**Task details**
Check every line of the material below for the string "leaf". State how many lines have it.

**Supplied data**

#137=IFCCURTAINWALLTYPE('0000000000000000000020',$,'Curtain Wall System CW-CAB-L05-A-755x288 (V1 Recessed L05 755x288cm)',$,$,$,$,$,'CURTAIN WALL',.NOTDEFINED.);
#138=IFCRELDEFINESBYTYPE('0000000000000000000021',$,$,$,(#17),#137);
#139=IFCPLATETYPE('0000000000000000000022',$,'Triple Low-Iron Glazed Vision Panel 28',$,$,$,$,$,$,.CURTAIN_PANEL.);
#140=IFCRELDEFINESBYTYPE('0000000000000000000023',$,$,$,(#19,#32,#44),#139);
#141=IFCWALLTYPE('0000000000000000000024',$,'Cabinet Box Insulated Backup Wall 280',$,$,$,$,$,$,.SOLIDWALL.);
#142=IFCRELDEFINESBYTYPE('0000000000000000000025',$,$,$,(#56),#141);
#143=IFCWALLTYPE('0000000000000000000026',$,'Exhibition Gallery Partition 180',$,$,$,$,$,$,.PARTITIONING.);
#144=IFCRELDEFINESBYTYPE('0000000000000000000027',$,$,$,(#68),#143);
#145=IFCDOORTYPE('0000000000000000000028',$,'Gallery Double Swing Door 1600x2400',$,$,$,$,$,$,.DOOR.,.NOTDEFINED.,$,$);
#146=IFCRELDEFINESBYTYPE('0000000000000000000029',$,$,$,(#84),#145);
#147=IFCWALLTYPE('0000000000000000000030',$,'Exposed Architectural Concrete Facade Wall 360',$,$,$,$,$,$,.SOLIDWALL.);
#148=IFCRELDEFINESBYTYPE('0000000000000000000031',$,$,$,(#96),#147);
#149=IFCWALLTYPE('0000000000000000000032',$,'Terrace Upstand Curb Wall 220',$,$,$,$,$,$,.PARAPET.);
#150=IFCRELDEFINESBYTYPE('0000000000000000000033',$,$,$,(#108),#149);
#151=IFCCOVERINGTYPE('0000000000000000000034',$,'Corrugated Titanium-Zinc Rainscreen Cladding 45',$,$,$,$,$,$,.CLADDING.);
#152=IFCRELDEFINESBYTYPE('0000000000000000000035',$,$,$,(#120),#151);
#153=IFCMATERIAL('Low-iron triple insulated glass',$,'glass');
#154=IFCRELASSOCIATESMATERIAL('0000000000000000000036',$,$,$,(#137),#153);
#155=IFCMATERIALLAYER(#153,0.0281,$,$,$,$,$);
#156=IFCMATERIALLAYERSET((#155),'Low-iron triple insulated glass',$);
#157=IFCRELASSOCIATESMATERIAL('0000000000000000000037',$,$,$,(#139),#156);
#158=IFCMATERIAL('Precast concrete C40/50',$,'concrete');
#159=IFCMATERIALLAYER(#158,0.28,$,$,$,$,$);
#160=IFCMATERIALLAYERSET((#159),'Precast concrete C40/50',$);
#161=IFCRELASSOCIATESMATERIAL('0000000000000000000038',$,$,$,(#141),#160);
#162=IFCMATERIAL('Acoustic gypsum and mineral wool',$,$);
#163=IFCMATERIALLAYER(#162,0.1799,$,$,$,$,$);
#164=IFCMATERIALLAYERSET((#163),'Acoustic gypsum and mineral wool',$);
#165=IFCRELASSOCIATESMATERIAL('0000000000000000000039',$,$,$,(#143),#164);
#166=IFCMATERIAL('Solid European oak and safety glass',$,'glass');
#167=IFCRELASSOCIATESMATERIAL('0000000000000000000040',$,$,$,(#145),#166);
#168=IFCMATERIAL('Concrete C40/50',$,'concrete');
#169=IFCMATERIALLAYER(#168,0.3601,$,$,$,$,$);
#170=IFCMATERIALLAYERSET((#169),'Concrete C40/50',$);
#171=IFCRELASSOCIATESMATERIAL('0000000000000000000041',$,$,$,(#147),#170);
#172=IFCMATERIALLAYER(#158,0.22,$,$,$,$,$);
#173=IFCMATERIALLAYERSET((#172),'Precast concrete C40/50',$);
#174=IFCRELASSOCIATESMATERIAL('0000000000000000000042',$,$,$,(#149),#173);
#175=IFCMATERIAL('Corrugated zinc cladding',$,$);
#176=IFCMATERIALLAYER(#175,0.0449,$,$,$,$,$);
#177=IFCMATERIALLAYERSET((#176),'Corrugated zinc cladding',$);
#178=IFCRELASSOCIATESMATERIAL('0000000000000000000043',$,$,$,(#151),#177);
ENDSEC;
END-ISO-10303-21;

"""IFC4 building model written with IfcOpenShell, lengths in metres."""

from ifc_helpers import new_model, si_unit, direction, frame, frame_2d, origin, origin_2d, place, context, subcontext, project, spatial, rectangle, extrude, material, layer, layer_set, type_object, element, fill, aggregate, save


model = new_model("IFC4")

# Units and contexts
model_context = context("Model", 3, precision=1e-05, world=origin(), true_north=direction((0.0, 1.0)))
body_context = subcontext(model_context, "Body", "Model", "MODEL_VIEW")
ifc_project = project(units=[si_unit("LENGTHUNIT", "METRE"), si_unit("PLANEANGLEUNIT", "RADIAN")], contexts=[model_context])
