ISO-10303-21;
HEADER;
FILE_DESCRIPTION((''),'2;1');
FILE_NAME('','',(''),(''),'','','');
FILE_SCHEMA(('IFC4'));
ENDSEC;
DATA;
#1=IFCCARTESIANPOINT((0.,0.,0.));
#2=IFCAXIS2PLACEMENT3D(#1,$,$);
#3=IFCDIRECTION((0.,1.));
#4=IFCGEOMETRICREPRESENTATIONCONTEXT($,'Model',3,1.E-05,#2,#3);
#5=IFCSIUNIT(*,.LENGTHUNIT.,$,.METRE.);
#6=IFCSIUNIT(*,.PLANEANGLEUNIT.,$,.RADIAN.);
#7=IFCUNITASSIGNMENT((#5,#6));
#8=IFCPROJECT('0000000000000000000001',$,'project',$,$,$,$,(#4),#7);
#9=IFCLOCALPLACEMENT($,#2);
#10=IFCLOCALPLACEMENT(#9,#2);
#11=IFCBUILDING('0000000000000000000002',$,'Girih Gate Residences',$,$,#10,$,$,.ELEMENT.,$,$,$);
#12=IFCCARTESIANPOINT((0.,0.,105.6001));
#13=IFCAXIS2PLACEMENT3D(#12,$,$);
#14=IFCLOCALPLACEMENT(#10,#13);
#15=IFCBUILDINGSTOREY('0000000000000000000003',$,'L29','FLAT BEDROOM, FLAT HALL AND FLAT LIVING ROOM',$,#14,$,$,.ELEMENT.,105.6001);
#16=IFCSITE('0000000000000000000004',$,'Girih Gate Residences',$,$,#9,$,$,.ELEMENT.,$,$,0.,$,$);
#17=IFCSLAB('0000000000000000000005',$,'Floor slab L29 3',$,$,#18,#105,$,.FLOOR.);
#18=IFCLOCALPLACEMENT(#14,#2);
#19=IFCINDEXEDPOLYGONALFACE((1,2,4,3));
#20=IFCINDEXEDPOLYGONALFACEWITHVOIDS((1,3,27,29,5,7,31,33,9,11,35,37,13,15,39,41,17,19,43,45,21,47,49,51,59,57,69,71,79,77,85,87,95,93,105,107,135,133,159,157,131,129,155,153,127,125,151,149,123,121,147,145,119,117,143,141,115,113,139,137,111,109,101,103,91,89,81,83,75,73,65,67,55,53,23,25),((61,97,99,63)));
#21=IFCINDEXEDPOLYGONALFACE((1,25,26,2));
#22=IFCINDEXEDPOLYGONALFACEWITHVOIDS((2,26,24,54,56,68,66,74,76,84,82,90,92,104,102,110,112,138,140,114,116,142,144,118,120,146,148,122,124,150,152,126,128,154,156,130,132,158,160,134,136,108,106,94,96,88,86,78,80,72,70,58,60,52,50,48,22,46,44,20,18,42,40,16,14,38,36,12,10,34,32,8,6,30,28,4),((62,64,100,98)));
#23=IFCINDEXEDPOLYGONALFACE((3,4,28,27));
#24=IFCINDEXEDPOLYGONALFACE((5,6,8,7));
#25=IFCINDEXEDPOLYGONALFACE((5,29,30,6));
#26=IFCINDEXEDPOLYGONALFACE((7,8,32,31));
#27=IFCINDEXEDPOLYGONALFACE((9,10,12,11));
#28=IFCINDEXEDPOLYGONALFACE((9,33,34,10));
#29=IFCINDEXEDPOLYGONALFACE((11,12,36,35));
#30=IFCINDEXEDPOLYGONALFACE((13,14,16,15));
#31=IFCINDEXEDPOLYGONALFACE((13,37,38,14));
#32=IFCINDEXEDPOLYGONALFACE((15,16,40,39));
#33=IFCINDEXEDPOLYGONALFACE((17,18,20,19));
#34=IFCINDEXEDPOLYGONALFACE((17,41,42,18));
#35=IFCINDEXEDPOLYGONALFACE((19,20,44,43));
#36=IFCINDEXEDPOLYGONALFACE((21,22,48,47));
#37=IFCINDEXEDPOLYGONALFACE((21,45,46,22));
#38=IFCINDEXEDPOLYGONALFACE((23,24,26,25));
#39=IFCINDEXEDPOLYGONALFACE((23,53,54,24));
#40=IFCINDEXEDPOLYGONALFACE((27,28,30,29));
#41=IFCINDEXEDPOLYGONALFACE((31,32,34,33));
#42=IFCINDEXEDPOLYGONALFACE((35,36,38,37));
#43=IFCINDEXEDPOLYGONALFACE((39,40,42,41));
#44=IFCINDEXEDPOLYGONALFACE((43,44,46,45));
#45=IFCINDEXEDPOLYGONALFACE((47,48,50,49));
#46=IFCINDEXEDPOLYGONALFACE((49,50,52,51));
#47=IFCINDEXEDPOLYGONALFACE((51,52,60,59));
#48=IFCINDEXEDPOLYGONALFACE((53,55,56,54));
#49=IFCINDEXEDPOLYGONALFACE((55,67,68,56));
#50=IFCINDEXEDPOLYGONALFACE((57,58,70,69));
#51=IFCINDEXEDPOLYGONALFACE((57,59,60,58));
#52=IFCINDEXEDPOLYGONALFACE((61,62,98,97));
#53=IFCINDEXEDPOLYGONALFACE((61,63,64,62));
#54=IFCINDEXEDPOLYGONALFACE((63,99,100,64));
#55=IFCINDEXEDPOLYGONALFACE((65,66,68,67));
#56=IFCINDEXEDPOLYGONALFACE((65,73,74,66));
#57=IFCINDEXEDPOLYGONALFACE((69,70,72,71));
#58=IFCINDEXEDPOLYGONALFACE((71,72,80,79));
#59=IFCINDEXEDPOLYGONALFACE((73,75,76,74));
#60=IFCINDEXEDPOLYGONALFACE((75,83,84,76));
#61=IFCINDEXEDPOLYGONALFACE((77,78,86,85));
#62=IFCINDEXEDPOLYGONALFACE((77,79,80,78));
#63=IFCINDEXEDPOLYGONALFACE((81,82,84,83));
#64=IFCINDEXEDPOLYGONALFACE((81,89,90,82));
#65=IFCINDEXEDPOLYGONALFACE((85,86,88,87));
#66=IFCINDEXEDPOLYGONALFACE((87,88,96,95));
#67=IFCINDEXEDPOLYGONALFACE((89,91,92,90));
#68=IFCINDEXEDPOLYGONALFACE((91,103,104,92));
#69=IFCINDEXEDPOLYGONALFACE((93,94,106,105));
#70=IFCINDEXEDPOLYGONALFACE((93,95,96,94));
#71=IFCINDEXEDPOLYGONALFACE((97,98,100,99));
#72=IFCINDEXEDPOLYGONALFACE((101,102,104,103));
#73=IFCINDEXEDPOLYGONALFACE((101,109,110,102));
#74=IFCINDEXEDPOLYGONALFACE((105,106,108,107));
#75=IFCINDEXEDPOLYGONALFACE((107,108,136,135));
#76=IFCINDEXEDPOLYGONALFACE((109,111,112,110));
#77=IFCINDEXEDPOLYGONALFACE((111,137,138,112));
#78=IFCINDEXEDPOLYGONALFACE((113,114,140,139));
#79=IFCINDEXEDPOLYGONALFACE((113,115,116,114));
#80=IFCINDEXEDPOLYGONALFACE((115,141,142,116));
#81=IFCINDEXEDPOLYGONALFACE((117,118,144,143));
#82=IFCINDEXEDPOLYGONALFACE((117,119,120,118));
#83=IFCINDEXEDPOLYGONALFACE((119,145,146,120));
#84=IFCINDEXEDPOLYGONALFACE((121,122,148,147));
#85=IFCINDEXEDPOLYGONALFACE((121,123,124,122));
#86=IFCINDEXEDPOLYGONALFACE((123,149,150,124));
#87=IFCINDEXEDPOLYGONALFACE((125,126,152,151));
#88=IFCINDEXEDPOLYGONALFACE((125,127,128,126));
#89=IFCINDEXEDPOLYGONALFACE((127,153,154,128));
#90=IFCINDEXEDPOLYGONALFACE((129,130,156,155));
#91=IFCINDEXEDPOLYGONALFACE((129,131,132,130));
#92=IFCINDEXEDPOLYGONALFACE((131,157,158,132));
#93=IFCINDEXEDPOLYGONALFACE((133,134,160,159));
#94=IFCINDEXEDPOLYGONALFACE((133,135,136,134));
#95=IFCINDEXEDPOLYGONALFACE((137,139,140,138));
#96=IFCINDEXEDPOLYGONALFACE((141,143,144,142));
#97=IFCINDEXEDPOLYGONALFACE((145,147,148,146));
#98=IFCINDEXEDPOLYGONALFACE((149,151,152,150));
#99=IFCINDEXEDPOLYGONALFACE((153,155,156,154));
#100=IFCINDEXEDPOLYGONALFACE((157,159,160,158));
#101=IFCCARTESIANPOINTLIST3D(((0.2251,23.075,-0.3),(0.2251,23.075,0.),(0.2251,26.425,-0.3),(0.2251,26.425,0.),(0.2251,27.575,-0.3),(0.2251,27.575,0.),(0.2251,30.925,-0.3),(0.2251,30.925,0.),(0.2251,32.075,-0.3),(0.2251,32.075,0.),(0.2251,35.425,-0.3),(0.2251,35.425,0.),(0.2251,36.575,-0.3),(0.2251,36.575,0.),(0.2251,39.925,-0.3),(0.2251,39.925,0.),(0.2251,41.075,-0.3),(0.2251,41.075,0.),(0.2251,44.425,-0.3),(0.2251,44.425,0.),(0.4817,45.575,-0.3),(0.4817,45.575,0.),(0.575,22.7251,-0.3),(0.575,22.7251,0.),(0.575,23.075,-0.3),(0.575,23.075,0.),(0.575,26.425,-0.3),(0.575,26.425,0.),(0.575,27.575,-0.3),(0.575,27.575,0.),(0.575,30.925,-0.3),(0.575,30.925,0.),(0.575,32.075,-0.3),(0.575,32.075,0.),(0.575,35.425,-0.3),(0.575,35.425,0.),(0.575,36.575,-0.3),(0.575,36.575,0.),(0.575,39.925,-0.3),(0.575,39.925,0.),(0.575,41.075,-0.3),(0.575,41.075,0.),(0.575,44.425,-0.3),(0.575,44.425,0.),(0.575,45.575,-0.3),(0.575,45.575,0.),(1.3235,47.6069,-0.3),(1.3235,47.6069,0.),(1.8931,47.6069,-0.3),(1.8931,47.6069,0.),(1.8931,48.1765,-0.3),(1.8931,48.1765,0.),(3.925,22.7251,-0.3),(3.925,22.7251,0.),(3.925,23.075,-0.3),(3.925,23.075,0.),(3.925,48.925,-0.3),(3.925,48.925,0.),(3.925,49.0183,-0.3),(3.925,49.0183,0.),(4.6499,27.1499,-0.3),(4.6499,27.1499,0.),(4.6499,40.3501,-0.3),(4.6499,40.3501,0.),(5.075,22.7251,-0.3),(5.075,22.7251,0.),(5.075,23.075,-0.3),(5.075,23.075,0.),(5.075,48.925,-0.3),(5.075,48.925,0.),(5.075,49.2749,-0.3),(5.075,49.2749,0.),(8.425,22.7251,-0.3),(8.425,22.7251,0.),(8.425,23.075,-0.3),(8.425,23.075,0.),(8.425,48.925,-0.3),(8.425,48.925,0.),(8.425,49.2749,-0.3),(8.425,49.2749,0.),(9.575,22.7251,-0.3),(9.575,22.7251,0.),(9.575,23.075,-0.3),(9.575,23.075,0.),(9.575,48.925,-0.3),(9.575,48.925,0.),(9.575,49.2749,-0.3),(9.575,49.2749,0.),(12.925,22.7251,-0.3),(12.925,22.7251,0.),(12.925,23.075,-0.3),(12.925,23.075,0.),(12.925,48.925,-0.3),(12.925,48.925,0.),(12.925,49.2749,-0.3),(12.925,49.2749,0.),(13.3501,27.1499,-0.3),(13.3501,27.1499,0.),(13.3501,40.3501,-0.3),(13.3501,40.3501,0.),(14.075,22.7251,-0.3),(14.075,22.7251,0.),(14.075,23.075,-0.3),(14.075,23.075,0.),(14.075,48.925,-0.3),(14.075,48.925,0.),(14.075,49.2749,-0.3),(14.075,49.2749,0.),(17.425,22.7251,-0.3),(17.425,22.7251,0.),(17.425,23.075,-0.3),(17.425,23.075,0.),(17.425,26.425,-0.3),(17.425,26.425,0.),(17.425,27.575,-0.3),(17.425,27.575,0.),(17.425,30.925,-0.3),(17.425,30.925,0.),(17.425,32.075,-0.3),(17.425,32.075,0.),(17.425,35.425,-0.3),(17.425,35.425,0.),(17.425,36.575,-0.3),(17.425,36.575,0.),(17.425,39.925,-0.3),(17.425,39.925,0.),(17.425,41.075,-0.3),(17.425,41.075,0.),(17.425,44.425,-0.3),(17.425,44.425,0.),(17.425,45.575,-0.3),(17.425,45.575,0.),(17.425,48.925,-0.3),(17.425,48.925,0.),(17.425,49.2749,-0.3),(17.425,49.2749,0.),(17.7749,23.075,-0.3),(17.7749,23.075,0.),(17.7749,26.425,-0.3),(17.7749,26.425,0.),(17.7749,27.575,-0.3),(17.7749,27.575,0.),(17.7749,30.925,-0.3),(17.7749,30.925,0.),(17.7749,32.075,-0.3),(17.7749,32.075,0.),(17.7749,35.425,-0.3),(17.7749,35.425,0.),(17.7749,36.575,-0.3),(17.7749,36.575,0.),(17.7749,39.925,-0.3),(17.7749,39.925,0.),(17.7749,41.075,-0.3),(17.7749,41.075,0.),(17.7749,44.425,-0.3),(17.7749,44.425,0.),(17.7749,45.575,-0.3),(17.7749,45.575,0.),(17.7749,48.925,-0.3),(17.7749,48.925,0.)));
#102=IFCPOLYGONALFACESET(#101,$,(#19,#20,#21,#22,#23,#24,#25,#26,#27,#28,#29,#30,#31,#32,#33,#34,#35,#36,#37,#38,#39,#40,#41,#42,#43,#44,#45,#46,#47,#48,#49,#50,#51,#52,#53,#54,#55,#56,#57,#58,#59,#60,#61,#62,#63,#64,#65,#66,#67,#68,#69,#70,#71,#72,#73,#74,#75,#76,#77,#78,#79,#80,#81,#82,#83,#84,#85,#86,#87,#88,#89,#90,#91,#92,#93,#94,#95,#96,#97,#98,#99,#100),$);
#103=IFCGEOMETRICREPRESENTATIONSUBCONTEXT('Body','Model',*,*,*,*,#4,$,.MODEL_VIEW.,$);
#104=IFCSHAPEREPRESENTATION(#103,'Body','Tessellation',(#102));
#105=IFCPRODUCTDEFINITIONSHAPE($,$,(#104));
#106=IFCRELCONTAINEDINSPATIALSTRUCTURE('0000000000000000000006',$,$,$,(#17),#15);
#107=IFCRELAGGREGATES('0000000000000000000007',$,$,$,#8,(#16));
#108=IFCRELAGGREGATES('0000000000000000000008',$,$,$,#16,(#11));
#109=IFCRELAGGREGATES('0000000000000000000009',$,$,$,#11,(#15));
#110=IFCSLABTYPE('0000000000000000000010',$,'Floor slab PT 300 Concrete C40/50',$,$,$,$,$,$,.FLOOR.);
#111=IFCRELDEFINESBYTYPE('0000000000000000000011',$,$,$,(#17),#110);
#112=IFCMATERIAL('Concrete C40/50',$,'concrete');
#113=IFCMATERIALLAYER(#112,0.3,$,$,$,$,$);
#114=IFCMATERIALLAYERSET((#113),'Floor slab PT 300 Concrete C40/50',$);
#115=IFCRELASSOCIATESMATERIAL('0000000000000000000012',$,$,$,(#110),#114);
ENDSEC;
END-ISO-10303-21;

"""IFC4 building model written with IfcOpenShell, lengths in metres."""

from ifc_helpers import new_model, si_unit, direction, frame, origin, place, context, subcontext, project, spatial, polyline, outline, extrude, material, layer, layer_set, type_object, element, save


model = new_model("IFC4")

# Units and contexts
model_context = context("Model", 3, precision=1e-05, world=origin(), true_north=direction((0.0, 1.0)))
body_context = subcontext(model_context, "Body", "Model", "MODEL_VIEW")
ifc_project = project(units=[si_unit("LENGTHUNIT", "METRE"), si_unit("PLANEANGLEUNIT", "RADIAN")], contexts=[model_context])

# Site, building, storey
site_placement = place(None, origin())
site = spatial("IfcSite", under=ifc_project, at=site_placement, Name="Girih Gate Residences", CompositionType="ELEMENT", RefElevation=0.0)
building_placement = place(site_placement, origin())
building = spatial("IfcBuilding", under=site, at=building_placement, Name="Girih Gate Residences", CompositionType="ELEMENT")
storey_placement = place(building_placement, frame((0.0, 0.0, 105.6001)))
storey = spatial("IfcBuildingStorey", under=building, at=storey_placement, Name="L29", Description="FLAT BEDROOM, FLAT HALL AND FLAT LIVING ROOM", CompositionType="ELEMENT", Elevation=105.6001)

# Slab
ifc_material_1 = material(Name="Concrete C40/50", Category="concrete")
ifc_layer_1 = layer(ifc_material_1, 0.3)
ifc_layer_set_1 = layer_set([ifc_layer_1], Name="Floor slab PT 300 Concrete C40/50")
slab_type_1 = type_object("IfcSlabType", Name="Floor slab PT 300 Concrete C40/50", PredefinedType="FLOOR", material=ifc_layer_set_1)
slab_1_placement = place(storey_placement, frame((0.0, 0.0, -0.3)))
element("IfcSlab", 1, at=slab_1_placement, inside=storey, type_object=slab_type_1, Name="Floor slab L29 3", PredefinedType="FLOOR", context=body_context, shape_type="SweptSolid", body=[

* * *

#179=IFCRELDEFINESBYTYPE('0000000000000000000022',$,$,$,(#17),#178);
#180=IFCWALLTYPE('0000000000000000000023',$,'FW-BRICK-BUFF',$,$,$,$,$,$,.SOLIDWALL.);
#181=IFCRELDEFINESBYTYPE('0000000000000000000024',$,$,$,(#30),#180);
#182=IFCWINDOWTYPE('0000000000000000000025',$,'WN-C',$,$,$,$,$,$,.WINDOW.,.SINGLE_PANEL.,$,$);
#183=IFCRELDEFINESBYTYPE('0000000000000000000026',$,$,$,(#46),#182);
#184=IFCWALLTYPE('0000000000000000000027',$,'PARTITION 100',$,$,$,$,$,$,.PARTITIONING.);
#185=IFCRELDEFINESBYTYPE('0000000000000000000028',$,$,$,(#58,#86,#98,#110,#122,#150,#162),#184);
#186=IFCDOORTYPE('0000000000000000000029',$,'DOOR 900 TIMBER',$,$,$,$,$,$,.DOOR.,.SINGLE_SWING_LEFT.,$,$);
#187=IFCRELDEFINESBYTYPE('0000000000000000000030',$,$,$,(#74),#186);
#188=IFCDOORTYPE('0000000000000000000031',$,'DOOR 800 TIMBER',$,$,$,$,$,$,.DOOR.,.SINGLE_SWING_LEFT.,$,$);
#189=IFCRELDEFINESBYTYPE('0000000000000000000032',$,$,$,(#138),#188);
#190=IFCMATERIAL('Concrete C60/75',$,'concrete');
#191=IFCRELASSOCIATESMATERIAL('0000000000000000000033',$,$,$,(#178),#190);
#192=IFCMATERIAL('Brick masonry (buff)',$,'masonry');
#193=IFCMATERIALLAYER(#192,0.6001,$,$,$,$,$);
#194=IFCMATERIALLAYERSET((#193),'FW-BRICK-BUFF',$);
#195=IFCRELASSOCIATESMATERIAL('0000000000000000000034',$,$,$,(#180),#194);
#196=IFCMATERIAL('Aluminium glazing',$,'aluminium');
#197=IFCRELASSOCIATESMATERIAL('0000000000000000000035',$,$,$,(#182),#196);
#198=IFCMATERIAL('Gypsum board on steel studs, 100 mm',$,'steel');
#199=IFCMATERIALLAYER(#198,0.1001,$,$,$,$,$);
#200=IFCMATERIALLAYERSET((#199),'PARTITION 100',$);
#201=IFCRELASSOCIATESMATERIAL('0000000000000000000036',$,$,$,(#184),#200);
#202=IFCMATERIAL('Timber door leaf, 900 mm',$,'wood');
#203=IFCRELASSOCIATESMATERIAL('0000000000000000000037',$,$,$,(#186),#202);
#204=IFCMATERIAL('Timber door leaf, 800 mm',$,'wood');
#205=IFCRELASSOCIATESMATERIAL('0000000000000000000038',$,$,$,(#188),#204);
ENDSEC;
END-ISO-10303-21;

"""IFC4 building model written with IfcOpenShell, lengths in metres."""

**Problem solution**
2